**Action item:**
Report every line of the entries that contains the word "floor".
--------
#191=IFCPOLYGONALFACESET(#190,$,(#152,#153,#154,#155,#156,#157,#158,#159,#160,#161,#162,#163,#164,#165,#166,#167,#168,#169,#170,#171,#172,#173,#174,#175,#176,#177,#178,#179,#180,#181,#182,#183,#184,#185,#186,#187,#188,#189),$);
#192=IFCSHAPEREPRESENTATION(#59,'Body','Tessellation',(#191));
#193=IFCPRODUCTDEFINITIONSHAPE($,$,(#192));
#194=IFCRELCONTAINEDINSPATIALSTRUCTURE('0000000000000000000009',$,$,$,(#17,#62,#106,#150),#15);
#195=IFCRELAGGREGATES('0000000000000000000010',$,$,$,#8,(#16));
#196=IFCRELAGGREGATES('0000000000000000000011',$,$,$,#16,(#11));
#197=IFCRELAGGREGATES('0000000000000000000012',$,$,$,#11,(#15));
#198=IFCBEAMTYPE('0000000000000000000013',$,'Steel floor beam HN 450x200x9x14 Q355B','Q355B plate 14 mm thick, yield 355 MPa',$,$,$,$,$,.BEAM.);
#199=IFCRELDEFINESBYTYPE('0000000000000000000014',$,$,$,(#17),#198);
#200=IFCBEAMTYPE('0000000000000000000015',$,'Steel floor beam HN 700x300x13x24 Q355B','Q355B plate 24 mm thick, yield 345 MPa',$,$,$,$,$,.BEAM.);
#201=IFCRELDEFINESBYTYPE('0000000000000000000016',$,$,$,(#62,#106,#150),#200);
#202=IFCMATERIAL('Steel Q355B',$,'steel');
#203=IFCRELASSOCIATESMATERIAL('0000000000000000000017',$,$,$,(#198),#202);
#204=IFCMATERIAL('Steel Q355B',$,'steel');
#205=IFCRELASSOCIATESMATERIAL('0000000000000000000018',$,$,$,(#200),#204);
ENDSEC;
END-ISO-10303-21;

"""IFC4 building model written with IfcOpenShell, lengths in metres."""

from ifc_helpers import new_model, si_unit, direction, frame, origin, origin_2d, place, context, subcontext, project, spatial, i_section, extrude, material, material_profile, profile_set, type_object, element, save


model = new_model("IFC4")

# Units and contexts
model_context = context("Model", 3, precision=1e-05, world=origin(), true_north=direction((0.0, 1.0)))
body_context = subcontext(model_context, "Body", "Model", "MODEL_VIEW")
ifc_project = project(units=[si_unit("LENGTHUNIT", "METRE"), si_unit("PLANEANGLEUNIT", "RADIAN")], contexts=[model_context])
--------
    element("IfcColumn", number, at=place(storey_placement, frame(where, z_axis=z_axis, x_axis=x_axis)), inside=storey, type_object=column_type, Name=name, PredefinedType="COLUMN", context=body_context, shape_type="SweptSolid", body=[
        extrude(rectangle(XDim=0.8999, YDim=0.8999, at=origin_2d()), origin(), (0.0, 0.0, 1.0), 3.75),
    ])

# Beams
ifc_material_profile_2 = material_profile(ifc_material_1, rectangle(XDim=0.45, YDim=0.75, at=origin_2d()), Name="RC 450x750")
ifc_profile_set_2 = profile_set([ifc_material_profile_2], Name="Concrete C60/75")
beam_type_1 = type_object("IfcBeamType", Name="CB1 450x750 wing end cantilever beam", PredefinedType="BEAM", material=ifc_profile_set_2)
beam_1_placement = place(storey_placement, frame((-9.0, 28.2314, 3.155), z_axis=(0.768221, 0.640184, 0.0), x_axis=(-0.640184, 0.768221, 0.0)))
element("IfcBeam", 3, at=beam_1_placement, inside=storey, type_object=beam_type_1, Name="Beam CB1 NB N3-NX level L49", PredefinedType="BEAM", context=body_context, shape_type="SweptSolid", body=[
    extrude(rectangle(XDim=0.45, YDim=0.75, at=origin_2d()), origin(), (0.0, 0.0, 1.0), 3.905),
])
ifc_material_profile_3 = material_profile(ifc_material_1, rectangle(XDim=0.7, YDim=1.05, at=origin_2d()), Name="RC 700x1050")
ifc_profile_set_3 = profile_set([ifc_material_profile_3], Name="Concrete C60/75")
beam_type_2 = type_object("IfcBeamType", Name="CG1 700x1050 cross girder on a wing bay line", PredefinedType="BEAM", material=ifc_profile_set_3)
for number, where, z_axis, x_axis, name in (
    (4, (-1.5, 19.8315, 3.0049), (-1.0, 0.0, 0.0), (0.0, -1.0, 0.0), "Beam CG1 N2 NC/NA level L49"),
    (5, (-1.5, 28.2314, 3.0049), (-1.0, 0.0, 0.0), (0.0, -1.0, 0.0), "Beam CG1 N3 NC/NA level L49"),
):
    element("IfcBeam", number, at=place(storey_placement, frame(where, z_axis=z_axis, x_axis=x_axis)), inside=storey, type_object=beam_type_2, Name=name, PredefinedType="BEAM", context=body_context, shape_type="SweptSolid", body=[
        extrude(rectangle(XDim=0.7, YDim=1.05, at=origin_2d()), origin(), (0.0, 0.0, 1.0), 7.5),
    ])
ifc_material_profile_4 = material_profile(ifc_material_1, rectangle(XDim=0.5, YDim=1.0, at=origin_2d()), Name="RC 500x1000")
--------
**The completed task:**
#198=IFCBEAMTYPE('0000000000000000000013',$,'Steel floor beam HN 450x200x9x14 Q355B','Q355B plate 14 mm thick, yield 355 MPa',$,$,$,$,$,.BEAM.);
#200=IFCBEAMTYPE('0000000000000000000015',$,'Steel floor beam HN 700x300x13x24 Q355B','Q355B plate 24 mm thick, yield 345 MPa',$,$,$,$,$,.BEAM.);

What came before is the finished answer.